== Dataset content ==
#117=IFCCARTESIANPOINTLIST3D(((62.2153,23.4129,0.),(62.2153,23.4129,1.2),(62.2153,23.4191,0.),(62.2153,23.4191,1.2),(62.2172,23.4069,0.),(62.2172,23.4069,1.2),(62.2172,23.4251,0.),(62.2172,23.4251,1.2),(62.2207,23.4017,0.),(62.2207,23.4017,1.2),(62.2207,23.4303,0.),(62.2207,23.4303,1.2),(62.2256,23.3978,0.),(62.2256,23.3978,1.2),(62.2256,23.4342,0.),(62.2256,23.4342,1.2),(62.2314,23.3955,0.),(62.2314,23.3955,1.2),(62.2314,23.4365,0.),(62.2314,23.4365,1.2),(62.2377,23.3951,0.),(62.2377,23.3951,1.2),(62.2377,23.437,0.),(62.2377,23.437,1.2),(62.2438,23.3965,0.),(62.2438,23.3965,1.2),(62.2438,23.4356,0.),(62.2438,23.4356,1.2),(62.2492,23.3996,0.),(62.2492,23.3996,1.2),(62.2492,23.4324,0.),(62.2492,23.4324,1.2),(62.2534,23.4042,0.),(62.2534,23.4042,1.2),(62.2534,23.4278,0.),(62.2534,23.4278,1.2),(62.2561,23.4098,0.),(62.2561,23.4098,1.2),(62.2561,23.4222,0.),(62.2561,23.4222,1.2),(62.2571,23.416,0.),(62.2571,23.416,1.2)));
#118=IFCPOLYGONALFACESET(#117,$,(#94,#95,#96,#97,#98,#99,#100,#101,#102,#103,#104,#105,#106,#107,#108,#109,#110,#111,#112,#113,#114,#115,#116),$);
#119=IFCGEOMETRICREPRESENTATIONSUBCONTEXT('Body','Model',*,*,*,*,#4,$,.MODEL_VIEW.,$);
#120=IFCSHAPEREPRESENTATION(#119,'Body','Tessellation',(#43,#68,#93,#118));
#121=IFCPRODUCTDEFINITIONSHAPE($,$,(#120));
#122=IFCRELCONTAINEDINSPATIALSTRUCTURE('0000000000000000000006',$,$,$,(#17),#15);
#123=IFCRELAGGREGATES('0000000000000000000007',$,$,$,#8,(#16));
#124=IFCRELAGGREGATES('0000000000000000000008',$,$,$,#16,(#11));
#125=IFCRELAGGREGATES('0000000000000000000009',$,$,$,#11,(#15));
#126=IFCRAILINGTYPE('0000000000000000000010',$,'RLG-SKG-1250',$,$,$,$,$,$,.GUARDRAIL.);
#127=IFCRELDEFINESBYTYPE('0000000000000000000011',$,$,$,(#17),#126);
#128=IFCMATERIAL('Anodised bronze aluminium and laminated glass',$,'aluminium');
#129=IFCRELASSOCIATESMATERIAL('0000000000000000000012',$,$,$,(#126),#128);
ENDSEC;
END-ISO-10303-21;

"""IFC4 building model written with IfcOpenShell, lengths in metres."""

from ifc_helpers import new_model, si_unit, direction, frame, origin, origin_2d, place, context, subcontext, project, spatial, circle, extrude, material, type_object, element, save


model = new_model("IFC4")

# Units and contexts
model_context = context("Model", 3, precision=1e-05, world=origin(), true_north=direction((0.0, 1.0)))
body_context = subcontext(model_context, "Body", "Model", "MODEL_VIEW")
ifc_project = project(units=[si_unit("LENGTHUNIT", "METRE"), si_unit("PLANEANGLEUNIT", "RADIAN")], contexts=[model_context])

== Task item ==
Emit verbatim the lines running from the one with "world=origin(), true_north=direction((0.0, 1.0)))" through the last line of the data, both endpoints inclusive.

== Task response ==
model_context = context("Model", 3, precision=1e-05, world=origin(), true_north=direction((0.0, 1.0)))
body_context = subcontext(model_context, "Body", "Model", "MODEL_VIEW")
ifc_project = project(units=[si_unit("LENGTHUNIT", "METRE"), si_unit("PLANEANGLEUNIT", "RADIAN")], contexts=[model_context])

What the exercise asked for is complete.